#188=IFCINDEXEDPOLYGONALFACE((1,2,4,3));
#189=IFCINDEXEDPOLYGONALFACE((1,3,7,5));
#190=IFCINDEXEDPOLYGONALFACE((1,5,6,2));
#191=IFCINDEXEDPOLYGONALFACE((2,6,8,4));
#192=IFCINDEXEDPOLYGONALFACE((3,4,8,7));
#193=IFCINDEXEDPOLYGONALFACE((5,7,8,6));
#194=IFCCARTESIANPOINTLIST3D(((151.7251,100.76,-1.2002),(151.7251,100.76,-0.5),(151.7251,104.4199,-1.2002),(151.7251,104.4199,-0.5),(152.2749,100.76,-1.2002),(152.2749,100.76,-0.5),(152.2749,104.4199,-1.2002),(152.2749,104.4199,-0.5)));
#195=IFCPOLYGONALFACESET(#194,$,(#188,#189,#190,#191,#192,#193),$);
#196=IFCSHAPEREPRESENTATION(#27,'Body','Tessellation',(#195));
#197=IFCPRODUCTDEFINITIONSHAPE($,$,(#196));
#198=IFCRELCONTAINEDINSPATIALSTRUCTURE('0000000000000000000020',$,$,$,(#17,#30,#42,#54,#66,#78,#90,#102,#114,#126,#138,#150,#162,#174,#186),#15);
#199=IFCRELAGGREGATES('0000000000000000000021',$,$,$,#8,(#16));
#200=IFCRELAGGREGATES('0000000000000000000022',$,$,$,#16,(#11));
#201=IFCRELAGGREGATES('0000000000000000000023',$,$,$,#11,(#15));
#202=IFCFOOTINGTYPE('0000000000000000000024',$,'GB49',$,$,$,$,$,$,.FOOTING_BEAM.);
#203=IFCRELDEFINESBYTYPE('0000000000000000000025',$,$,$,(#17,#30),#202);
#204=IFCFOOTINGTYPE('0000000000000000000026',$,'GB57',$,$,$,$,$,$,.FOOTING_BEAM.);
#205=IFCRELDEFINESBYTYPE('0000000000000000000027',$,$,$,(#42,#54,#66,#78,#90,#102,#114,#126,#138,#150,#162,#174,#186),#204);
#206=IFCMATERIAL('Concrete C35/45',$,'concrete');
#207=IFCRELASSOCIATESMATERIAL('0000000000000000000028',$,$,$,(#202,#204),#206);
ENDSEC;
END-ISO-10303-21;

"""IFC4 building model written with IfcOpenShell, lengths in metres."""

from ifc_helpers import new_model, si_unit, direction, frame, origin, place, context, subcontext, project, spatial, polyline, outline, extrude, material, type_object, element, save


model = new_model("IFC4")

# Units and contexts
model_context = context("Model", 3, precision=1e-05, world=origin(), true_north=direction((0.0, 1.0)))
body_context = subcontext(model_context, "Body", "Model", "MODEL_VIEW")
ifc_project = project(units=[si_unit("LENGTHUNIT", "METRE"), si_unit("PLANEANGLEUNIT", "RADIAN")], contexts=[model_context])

•••••

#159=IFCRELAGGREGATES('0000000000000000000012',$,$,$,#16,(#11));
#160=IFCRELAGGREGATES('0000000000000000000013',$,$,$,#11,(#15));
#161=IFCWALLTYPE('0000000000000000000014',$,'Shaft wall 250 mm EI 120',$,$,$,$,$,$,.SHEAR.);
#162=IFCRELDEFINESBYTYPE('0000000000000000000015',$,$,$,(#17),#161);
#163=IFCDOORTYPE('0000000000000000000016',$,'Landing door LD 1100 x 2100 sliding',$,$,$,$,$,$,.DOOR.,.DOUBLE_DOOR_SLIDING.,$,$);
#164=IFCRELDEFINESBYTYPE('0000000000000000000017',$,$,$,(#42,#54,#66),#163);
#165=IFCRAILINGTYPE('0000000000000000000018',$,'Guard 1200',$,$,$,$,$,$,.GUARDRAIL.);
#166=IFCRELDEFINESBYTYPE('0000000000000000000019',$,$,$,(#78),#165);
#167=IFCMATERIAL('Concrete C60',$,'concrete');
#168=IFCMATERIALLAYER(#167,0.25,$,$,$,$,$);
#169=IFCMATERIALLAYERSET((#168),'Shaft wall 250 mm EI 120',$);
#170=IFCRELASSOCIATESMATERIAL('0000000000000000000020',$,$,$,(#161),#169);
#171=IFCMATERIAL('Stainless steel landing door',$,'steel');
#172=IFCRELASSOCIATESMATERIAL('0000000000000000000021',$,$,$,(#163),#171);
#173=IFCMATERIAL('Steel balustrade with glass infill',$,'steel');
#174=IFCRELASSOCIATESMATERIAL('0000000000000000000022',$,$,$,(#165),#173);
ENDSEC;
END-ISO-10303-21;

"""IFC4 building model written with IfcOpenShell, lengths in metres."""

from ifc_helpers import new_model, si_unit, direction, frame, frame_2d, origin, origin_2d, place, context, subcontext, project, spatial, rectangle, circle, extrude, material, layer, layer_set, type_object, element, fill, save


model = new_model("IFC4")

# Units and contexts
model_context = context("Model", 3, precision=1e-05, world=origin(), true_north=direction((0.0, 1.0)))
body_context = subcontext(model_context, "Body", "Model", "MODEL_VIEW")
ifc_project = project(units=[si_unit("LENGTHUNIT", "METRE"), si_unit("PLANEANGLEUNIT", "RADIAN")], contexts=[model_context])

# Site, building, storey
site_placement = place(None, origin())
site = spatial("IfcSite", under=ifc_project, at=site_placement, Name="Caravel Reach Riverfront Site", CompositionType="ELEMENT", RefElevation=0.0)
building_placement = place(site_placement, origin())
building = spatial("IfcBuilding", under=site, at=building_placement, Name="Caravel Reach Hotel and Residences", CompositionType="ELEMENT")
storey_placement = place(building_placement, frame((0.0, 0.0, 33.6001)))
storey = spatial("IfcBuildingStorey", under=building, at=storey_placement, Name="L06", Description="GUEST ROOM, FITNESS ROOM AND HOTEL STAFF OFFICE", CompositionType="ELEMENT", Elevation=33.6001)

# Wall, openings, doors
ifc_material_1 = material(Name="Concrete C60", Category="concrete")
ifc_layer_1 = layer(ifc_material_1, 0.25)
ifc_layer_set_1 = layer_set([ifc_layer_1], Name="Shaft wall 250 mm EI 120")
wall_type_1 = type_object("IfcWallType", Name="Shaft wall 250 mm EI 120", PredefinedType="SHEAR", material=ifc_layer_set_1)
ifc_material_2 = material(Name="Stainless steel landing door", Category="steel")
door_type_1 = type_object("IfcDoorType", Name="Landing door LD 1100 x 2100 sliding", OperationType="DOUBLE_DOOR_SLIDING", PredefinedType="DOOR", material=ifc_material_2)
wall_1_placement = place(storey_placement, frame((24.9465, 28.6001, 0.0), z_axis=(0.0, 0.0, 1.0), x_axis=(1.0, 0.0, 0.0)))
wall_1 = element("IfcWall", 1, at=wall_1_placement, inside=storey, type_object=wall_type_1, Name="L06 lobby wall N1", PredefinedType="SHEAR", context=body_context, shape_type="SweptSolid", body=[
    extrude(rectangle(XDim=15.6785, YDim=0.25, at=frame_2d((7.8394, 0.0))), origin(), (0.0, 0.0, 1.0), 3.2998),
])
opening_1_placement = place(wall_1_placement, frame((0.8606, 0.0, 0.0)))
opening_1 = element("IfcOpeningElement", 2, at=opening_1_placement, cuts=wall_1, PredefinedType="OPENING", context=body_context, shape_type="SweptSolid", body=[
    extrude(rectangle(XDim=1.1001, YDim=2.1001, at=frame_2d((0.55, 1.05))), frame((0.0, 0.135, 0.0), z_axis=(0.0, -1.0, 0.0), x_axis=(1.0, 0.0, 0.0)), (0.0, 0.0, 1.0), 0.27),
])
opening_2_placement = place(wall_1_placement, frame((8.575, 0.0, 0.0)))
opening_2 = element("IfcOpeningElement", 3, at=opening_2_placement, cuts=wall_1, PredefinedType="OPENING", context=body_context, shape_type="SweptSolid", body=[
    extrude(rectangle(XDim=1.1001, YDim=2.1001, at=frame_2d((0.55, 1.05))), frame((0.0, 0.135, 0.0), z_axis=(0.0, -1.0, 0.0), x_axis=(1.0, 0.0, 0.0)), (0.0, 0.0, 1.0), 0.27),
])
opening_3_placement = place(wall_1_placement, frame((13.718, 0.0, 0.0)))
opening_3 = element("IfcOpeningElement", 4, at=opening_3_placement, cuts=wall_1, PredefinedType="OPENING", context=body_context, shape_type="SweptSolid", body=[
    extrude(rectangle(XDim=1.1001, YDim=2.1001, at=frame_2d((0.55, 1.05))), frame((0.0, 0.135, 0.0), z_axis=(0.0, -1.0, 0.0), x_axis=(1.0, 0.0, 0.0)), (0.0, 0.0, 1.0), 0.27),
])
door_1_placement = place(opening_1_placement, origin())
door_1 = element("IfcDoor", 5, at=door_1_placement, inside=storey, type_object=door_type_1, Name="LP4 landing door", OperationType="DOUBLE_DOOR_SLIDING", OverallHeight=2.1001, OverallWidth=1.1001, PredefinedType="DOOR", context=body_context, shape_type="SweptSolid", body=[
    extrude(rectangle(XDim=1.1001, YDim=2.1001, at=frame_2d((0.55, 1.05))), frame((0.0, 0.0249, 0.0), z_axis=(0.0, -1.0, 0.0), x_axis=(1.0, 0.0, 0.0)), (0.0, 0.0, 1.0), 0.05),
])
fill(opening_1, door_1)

•••••

Assignment
Your answer should be the lines of the listing above between the line holding "#188=IFCINDEXEDPOLYGONALFACE((1,2,4,3));" and the line holding "#193=IFCINDEXEDPOLYGONALFACE((5,7,8,6));", inclusive, restated word for word and alone.

Written answer
#188=IFCINDEXEDPOLYGONALFACE((1,2,4,3));
#189=IFCINDEXEDPOLYGONALFACE((1,3,7,5));
#190=IFCINDEXEDPOLYGONALFACE((1,5,6,2));
#191=IFCINDEXEDPOLYGONALFACE((2,6,8,4));
#192=IFCINDEXEDPOLYGONALFACE((3,4,8,7));
#193=IFCINDEXEDPOLYGONALFACE((5,7,8,6));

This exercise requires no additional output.